§ **WHAT YOU WILL DO**
Among the entries below, take the line with "#83=IFCINDEXEDPOLYGONALFACE((17,53,54,18));" and the line with "#139=IFCINDEXEDPOLYGONALFACE((65,66,68,67));", and output them and every line between them exactly, with nothing else.

§ **LISTED RECORDS**
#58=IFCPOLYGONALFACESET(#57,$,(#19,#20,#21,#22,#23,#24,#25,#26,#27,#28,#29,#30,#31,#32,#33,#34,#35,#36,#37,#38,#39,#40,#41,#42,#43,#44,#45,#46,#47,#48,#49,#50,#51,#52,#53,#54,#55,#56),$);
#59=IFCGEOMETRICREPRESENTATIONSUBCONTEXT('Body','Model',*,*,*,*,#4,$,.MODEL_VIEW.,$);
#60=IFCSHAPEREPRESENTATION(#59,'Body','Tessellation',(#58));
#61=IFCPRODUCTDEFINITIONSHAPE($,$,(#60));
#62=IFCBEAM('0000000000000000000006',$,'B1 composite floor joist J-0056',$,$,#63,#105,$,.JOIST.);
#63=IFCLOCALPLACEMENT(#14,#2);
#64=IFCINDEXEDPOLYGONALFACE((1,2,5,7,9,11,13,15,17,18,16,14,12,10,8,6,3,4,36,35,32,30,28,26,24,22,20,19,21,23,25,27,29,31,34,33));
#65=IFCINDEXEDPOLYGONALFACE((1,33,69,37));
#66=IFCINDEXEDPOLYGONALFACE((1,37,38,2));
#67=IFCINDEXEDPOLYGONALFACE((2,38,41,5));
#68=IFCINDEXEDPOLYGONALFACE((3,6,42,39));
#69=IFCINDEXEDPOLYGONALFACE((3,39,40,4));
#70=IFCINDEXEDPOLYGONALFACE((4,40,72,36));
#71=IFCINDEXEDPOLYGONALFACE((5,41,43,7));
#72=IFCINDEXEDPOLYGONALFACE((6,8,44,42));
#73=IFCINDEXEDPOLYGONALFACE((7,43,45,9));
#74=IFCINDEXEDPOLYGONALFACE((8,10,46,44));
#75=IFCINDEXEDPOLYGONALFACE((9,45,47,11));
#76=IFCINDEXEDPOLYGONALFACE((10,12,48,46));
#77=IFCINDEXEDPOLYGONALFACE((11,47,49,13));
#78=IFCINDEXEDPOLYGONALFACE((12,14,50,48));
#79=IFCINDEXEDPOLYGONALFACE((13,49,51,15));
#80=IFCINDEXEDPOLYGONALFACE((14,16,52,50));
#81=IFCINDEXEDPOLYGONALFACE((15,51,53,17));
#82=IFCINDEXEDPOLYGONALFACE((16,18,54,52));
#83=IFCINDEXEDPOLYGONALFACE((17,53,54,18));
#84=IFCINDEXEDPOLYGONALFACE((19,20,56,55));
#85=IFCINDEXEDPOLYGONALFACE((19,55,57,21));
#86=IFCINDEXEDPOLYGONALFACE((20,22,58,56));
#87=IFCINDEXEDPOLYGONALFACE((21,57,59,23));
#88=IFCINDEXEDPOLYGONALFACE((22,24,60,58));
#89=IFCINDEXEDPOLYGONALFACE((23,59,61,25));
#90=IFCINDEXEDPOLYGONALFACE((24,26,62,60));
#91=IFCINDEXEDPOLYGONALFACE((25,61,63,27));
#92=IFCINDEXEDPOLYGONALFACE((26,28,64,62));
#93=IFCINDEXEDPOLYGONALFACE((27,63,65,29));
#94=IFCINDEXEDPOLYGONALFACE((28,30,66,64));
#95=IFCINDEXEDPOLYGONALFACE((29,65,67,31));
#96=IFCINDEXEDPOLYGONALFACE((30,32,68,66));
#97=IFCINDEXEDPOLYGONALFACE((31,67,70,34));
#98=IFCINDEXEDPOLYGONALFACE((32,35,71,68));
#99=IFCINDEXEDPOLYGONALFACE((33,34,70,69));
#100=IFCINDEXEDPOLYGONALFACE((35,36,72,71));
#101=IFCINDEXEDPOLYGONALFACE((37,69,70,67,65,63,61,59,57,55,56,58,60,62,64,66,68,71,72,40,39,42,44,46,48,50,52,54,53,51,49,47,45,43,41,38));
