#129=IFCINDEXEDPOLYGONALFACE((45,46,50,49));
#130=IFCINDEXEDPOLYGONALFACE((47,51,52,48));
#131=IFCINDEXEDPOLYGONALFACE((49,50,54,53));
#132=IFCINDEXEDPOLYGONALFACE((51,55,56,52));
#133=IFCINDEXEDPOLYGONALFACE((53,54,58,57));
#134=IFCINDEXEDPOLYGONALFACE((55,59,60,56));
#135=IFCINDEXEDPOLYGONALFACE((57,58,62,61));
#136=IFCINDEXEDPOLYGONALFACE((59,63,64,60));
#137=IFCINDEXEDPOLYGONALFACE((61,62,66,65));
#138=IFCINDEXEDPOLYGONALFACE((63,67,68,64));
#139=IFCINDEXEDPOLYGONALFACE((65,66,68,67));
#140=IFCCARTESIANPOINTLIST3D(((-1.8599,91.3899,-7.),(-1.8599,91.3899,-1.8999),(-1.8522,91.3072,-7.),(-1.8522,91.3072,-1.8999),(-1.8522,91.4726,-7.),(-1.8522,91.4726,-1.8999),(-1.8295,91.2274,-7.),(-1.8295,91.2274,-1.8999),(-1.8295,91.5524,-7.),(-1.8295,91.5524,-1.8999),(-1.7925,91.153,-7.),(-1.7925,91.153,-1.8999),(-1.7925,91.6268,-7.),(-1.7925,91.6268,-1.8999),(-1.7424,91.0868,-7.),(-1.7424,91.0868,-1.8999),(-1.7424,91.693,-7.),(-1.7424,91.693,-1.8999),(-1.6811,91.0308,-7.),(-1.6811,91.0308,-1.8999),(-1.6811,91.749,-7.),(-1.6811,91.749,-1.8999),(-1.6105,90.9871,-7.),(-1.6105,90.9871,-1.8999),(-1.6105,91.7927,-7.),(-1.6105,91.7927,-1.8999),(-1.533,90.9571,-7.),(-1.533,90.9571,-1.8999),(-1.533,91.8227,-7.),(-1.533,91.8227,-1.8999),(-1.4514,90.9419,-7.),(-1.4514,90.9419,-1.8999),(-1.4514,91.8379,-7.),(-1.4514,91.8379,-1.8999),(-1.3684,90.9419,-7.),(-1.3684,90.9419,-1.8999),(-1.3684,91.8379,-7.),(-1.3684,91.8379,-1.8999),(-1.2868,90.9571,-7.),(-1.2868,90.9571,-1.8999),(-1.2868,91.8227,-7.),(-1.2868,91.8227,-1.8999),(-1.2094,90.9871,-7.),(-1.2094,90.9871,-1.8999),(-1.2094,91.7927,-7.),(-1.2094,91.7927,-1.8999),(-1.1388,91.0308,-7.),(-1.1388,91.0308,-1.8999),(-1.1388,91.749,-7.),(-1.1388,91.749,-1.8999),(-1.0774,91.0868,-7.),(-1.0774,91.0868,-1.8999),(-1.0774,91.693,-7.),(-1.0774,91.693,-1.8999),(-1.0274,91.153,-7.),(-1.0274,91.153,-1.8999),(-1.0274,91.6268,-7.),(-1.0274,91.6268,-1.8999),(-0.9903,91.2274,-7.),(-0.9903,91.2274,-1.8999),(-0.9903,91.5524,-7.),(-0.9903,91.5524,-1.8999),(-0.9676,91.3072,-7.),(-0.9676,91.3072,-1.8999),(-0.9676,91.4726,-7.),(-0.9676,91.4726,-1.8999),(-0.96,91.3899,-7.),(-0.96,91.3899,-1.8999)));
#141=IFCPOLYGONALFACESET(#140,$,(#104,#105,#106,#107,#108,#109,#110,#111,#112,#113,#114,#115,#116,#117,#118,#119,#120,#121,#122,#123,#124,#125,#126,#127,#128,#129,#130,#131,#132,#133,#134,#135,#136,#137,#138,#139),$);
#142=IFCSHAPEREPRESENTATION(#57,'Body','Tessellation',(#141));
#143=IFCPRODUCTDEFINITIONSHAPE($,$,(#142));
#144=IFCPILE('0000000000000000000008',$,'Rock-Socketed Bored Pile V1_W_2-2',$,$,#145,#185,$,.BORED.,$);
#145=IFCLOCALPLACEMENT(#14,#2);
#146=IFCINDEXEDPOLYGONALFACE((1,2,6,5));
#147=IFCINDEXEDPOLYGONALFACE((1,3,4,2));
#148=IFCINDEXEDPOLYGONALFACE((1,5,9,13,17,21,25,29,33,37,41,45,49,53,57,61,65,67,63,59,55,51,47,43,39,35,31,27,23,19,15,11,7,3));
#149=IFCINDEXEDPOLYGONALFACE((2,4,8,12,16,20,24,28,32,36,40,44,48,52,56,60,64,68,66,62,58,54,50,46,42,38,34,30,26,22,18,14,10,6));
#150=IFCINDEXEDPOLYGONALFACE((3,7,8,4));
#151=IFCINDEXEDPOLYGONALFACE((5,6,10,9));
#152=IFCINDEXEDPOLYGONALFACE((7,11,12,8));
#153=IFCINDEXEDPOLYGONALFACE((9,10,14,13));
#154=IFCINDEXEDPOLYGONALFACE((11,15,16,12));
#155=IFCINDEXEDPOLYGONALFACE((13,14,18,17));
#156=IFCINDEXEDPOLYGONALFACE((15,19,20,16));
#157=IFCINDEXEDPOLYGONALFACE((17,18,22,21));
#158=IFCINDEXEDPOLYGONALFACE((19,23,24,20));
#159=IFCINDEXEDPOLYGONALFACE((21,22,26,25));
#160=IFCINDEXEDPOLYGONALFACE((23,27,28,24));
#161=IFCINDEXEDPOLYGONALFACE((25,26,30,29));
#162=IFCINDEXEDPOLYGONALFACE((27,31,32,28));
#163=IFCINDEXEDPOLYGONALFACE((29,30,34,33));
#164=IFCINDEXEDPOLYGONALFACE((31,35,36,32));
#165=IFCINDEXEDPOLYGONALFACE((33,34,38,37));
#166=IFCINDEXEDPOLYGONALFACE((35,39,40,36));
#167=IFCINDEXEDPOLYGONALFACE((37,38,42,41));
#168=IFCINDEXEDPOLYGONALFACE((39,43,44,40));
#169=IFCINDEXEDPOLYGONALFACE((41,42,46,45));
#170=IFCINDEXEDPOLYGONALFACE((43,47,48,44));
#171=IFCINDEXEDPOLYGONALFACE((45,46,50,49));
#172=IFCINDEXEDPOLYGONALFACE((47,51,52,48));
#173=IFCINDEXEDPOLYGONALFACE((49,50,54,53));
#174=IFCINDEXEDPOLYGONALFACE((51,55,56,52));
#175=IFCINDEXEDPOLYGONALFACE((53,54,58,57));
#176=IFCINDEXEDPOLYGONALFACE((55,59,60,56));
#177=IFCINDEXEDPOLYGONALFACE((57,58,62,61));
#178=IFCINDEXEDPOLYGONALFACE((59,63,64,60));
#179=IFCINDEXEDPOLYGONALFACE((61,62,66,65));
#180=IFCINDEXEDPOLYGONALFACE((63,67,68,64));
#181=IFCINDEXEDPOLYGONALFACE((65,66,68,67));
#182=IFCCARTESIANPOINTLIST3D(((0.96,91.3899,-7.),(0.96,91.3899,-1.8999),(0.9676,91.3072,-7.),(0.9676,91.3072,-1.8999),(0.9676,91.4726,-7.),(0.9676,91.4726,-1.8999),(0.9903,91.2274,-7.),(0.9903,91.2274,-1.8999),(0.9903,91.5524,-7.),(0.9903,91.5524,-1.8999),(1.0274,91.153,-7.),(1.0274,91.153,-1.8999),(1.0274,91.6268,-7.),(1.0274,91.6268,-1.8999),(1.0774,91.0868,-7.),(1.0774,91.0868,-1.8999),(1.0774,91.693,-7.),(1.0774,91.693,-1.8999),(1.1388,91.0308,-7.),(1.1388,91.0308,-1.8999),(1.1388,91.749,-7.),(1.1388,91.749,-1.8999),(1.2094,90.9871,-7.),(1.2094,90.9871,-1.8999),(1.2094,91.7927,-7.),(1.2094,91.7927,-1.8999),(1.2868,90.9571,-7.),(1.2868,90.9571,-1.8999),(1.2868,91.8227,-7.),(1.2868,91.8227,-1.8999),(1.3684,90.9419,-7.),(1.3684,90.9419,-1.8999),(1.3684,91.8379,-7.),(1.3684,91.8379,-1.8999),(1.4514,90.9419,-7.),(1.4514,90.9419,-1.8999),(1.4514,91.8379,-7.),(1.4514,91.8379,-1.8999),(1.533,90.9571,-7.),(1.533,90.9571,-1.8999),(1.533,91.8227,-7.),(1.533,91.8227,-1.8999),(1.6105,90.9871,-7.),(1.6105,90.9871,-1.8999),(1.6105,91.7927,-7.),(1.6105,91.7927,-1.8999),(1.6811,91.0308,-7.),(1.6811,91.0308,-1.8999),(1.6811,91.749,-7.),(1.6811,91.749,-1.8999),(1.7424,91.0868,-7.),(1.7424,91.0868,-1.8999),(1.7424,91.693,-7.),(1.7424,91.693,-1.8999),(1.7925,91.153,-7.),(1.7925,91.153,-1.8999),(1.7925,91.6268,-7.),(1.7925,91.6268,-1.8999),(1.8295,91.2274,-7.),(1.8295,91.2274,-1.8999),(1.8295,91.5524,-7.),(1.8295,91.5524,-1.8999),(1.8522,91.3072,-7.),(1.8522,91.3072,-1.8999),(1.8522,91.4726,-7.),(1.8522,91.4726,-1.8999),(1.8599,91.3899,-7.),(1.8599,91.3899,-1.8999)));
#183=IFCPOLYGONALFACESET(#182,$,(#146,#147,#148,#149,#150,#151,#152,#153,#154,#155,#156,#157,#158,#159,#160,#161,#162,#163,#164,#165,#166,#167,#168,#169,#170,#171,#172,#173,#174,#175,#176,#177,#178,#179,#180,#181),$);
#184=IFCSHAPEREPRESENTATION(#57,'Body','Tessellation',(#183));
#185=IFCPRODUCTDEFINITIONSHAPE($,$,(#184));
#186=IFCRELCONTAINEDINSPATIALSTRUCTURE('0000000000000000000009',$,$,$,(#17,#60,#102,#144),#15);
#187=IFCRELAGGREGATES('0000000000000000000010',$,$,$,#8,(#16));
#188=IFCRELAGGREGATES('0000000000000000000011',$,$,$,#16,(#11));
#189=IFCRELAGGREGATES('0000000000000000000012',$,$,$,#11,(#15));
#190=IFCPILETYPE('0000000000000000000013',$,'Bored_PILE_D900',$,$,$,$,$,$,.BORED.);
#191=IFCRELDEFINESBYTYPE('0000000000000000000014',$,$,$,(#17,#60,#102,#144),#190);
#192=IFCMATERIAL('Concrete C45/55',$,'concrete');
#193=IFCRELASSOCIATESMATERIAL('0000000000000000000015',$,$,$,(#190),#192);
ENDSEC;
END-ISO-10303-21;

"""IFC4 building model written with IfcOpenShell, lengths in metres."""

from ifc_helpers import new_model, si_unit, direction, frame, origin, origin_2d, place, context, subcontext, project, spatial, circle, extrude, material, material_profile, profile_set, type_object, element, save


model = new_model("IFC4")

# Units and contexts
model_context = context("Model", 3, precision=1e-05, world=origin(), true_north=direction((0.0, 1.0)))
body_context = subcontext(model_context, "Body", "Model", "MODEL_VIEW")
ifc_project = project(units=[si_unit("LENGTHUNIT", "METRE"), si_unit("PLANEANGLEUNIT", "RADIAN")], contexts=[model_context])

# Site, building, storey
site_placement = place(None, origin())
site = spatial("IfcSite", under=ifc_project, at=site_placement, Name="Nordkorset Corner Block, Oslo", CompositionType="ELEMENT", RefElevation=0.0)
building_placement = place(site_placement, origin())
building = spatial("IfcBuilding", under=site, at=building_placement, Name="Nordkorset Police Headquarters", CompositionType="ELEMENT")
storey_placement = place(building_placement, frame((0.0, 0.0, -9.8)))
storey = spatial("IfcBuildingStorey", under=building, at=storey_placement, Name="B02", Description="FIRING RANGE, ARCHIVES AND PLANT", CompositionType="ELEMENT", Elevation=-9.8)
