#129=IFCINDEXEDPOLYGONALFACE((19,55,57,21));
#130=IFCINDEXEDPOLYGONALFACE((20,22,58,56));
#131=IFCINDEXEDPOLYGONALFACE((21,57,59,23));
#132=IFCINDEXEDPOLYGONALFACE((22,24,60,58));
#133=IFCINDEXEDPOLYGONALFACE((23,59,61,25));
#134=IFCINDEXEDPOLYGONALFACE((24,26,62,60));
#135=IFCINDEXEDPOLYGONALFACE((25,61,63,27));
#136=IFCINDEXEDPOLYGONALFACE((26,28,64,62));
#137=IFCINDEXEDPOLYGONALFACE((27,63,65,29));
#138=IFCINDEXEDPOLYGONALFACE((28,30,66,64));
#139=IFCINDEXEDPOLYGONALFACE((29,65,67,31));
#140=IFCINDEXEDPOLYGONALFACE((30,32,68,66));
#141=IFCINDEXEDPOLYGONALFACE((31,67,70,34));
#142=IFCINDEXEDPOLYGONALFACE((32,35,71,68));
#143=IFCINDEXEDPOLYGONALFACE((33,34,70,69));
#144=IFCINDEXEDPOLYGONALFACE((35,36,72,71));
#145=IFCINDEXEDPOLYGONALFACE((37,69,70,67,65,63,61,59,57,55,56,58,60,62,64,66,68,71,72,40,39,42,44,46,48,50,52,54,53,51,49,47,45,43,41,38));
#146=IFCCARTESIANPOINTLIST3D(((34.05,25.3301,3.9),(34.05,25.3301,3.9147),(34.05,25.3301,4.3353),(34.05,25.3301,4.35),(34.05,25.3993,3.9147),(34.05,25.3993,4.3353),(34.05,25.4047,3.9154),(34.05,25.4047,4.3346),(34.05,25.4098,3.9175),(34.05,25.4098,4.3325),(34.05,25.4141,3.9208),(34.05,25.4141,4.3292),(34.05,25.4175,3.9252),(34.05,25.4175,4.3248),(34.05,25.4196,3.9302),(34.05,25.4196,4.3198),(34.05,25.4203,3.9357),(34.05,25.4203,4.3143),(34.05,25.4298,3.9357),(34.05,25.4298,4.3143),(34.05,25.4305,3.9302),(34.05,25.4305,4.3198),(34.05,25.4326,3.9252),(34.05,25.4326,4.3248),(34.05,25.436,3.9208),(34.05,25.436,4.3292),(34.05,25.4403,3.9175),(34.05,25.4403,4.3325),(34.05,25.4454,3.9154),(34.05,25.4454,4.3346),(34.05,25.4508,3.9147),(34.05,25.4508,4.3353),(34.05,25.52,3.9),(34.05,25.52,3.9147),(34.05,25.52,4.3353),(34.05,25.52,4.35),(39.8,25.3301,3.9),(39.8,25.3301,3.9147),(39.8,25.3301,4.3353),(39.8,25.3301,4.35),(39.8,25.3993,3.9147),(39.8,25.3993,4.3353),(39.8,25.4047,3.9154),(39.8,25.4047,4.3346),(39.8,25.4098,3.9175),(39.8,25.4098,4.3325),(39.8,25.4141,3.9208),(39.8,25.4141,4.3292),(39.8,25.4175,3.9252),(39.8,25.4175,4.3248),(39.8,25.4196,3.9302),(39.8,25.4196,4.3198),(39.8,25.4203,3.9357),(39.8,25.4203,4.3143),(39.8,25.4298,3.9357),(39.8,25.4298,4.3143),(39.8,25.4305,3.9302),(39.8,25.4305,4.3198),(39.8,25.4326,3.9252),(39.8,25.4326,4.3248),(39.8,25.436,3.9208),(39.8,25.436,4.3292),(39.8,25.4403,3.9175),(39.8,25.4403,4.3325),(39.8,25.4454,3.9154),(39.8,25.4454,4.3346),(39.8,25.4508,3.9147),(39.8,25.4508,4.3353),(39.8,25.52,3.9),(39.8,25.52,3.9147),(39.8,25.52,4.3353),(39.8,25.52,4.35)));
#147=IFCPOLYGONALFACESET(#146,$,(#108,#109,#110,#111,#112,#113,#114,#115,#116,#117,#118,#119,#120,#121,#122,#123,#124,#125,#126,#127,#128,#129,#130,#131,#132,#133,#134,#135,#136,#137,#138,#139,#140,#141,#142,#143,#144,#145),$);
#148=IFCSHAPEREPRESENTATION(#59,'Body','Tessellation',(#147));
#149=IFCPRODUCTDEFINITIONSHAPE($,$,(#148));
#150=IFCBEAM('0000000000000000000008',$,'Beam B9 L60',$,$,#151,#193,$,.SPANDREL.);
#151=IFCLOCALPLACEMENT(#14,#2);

§ **REPLY TO THE TASK**
#83=IFCINDEXEDPOLYGONALFACE((17,53,54,18));
#84=IFCINDEXEDPOLYGONALFACE((19,20,56,55));
#85=IFCINDEXEDPOLYGONALFACE((19,55,57,21));
#86=IFCINDEXEDPOLYGONALFACE((20,22,58,56));
#87=IFCINDEXEDPOLYGONALFACE((21,57,59,23));
#88=IFCINDEXEDPOLYGONALFACE((22,24,60,58));
#89=IFCINDEXEDPOLYGONALFACE((23,59,61,25));
#90=IFCINDEXEDPOLYGONALFACE((24,26,62,60));
#91=IFCINDEXEDPOLYGONALFACE((25,61,63,27));
#92=IFCINDEXEDPOLYGONALFACE((26,28,64,62));
#93=IFCINDEXEDPOLYGONALFACE((27,63,65,29));
#94=IFCINDEXEDPOLYGONALFACE((28,30,66,64));
#95=IFCINDEXEDPOLYGONALFACE((29,65,67,31));
#96=IFCINDEXEDPOLYGONALFACE((30,32,68,66));
#97=IFCINDEXEDPOLYGONALFACE((31,67,70,34));
#98=IFCINDEXEDPOLYGONALFACE((32,35,71,68));
#99=IFCINDEXEDPOLYGONALFACE((33,34,70,69));
#100=IFCINDEXEDPOLYGONALFACE((35,36,72,71));
#101=IFCINDEXEDPOLYGONALFACE((37,69,70,67,65,63,61,59,57,55,56,58,60,62,64,66,68,71,72,40,39,42,44,46,48,50,52,54,53,51,49,47,45,43,41,38));
#129=IFCINDEXEDPOLYGONALFACE((45,46,50,49));
#130=IFCINDEXEDPOLYGONALFACE((47,51,52,48));
#131=IFCINDEXEDPOLYGONALFACE((49,50,54,53));
#132=IFCINDEXEDPOLYGONALFACE((51,55,56,52));
#133=IFCINDEXEDPOLYGONALFACE((53,54,58,57));
#134=IFCINDEXEDPOLYGONALFACE((55,59,60,56));
#135=IFCINDEXEDPOLYGONALFACE((57,58,62,61));
#136=IFCINDEXEDPOLYGONALFACE((59,63,64,60));
#137=IFCINDEXEDPOLYGONALFACE((61,62,66,65));
#138=IFCINDEXEDPOLYGONALFACE((63,67,68,64));
#139=IFCINDEXEDPOLYGONALFACE((65,66,68,67));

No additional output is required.